Data shown →

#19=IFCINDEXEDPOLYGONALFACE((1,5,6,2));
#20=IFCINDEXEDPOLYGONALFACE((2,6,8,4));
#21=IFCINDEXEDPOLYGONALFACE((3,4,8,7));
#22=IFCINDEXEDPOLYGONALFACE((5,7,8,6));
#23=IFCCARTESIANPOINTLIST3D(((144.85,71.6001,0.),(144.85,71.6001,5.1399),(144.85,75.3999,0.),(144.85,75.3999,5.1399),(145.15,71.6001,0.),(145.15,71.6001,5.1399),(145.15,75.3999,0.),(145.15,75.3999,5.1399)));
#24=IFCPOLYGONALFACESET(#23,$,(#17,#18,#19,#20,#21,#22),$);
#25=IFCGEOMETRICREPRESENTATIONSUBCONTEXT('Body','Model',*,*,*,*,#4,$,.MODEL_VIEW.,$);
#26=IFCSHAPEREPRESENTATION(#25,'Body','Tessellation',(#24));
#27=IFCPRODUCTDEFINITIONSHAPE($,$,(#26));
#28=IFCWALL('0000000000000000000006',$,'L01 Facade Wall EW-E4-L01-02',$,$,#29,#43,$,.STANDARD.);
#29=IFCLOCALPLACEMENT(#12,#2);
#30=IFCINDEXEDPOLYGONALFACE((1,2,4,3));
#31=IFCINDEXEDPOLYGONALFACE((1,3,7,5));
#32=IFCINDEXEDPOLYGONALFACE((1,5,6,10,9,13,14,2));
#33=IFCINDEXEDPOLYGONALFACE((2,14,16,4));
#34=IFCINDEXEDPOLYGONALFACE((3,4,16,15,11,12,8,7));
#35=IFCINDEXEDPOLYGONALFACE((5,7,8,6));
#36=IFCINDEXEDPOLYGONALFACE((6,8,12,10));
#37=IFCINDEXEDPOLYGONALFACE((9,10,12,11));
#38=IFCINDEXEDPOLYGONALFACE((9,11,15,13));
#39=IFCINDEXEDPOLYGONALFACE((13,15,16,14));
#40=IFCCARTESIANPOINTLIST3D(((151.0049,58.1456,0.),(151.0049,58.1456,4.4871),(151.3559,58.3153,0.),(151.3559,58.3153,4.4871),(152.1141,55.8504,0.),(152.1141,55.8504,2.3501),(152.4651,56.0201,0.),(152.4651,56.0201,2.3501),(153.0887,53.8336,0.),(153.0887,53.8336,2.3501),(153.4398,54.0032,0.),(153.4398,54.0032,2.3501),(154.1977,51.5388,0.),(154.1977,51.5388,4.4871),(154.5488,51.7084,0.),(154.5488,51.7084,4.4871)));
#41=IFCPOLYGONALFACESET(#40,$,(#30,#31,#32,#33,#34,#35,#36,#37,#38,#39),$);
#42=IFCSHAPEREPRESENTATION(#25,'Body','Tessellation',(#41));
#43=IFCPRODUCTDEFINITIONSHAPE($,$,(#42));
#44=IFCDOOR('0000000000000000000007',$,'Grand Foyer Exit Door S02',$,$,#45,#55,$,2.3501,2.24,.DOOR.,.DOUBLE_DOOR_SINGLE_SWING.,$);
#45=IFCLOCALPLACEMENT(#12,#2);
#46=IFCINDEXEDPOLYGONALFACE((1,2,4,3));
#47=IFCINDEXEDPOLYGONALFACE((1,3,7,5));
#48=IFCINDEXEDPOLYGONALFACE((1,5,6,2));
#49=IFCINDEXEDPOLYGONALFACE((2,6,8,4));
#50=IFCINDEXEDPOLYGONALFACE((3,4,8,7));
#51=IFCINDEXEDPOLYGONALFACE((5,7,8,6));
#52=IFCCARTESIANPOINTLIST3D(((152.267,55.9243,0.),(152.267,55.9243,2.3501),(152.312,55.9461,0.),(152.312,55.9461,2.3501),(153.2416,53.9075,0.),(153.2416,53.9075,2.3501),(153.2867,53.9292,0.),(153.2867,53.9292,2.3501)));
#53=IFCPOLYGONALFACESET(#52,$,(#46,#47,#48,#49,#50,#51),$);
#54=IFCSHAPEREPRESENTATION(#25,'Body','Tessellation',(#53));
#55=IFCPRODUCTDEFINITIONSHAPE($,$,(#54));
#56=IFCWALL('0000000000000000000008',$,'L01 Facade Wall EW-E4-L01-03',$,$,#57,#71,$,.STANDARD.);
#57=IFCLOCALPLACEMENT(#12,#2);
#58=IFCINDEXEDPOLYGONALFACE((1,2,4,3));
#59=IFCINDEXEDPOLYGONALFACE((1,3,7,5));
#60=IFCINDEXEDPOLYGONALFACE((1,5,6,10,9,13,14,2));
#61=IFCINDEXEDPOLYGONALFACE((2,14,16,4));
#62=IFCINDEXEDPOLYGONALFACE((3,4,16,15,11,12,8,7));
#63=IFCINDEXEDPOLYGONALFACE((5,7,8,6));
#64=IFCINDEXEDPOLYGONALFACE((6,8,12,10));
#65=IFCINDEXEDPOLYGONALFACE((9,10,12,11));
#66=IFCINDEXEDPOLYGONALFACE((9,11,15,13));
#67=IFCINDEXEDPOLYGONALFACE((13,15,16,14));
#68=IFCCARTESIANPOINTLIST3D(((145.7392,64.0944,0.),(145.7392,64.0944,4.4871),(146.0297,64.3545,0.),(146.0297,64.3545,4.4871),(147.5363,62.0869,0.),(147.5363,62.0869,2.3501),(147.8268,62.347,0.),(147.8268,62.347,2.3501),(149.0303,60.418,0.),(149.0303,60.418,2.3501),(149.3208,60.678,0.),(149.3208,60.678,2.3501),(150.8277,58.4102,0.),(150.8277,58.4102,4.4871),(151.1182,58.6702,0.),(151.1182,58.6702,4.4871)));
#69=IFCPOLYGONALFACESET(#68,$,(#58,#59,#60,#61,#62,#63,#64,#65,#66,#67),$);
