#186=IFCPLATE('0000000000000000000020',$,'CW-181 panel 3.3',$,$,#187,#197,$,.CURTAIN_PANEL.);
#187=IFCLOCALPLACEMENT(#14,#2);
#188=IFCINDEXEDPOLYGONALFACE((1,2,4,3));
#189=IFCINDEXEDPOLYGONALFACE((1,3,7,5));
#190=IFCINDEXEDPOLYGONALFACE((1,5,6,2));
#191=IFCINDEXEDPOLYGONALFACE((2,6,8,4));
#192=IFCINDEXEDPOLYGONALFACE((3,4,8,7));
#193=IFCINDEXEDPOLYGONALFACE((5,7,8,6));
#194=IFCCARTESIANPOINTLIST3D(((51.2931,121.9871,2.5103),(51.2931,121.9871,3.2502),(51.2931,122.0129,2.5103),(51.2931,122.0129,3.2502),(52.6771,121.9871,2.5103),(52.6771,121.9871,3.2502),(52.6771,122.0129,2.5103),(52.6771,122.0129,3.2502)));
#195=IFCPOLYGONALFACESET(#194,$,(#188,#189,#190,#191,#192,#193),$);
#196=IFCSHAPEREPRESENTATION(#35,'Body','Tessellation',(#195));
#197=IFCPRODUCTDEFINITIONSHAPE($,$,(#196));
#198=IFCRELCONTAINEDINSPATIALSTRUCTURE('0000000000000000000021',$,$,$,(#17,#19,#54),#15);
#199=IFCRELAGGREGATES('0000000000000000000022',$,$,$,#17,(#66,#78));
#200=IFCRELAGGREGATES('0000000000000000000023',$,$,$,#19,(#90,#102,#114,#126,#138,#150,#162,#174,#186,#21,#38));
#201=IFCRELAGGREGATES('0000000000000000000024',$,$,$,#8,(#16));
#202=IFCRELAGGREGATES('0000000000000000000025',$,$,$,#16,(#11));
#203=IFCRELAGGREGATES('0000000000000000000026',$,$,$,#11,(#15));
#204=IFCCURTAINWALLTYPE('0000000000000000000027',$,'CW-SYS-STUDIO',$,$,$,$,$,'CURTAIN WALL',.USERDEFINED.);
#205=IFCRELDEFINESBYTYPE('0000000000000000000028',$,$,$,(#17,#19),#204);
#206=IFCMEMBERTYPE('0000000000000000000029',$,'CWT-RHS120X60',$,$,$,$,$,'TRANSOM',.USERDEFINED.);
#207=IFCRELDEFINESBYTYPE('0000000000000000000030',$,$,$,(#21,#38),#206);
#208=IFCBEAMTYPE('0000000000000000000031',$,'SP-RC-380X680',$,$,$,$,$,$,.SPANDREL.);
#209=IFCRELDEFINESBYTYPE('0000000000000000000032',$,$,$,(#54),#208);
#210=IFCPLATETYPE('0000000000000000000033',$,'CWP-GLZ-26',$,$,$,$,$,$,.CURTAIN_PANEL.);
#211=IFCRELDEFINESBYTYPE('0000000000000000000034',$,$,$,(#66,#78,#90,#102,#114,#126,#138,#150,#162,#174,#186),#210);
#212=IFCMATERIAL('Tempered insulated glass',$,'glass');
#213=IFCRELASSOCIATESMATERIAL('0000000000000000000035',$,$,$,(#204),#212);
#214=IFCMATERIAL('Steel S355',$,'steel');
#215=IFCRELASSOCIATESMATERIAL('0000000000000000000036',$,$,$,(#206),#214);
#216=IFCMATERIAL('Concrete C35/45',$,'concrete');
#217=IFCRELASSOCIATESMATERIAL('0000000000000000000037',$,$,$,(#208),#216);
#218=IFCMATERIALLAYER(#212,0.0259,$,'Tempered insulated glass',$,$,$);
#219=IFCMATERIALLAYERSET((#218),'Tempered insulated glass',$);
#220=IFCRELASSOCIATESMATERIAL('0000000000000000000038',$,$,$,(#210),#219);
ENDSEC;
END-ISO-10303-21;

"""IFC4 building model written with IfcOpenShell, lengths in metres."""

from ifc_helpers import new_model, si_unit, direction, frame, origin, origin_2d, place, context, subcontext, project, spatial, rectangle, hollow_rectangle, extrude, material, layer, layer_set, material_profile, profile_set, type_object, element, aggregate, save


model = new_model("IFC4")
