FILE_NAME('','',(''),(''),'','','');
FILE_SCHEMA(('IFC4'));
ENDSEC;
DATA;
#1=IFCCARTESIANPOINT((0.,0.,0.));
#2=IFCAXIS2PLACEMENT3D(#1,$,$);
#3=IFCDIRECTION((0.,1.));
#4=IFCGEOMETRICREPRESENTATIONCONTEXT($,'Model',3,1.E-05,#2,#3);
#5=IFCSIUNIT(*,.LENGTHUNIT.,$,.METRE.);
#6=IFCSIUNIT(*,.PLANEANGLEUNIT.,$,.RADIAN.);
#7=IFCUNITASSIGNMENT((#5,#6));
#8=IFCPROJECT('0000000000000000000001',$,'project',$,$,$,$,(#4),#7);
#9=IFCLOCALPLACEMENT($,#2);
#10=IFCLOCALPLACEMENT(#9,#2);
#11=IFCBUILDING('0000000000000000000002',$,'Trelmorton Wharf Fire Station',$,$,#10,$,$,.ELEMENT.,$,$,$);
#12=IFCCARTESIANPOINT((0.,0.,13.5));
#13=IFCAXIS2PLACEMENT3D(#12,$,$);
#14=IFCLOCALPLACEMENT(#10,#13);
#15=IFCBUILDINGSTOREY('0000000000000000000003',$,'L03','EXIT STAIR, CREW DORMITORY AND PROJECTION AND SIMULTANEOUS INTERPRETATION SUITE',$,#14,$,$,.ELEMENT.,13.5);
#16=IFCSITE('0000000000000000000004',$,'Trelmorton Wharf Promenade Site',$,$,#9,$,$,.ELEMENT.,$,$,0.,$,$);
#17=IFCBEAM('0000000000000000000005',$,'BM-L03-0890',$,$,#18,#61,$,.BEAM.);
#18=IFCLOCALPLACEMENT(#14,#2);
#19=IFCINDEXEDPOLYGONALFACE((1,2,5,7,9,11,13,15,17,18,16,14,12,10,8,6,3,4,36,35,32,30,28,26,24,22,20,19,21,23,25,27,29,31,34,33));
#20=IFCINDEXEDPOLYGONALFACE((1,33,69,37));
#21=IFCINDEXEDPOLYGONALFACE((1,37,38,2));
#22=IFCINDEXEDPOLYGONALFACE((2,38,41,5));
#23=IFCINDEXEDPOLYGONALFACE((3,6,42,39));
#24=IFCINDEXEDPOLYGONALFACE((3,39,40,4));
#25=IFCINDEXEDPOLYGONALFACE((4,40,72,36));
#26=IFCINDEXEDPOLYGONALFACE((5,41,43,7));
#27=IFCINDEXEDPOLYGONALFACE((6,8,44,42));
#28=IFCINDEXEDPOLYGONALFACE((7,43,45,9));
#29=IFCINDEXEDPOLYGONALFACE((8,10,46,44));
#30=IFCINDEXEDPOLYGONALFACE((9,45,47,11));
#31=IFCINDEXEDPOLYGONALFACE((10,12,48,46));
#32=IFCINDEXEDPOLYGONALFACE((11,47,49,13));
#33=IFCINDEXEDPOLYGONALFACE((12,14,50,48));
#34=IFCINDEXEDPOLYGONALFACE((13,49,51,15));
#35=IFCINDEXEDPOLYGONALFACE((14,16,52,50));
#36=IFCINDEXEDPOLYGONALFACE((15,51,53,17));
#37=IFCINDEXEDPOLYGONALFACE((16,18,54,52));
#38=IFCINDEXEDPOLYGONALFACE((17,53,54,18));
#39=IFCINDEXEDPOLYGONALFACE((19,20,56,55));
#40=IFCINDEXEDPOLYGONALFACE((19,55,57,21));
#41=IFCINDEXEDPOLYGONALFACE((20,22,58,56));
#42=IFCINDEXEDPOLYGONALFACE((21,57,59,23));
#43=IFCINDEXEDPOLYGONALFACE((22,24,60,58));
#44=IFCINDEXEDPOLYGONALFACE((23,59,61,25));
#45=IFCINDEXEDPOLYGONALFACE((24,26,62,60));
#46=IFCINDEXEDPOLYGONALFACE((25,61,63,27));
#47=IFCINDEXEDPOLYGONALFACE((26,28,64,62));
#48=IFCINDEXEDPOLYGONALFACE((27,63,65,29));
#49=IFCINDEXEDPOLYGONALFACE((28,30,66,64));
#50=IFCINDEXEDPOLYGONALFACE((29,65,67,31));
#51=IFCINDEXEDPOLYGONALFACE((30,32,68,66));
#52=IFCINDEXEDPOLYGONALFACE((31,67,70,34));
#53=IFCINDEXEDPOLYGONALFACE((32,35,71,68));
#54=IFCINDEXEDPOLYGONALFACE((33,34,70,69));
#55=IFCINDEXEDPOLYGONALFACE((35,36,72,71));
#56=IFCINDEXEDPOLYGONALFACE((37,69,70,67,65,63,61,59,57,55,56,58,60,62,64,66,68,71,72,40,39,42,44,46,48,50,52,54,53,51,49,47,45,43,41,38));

Exercise → In the listing above, find the line with "#44=IFCDOOR('0000000000000000000007',$,'Grand Foyer Exit" and the line with "#62=IFCINDEXEDPOLYGONALFACE((3,4,16,15,11,12,8,7));", then reproduce both and every line between them exactly.

Exercise response →
#44=IFCDOOR('0000000000000000000007',$,'Grand Foyer Exit Door S02',$,$,#45,#55,$,2.3501,2.24,.DOOR.,.DOUBLE_DOOR_SINGLE_SWING.,$);
#45=IFCLOCALPLACEMENT(#12,#2);
#46=IFCINDEXEDPOLYGONALFACE((1,2,4,3));
#47=IFCINDEXEDPOLYGONALFACE((1,3,7,5));
#48=IFCINDEXEDPOLYGONALFACE((1,5,6,2));
#49=IFCINDEXEDPOLYGONALFACE((2,6,8,4));
#50=IFCINDEXEDPOLYGONALFACE((3,4,8,7));
#51=IFCINDEXEDPOLYGONALFACE((5,7,8,6));
#52=IFCCARTESIANPOINTLIST3D(((152.267,55.9243,0.),(152.267,55.9243,2.3501),(152.312,55.9461,0.),(152.312,55.9461,2.3501),(153.2416,53.9075,0.),(153.2416,53.9075,2.3501),(153.2867,53.9292,0.),(153.2867,53.9292,2.3501)));
#53=IFCPOLYGONALFACESET(#52,$,(#46,#47,#48,#49,#50,#51),$);
#54=IFCSHAPEREPRESENTATION(#25,'Body','Tessellation',(#53));
#55=IFCPRODUCTDEFINITIONSHAPE($,$,(#54));
#56=IFCWALL('0000000000000000000008',$,'L01 Facade Wall EW-E4-L01-03',$,$,#57,#71,$,.STANDARD.);
#57=IFCLOCALPLACEMENT(#12,#2);
#58=IFCINDEXEDPOLYGONALFACE((1,2,4,3));
#59=IFCINDEXEDPOLYGONALFACE((1,3,7,5));
#60=IFCINDEXEDPOLYGONALFACE((1,5,6,10,9,13,14,2));
#61=IFCINDEXEDPOLYGONALFACE((2,14,16,4));
#62=IFCINDEXEDPOLYGONALFACE((3,4,16,15,11,12,8,7));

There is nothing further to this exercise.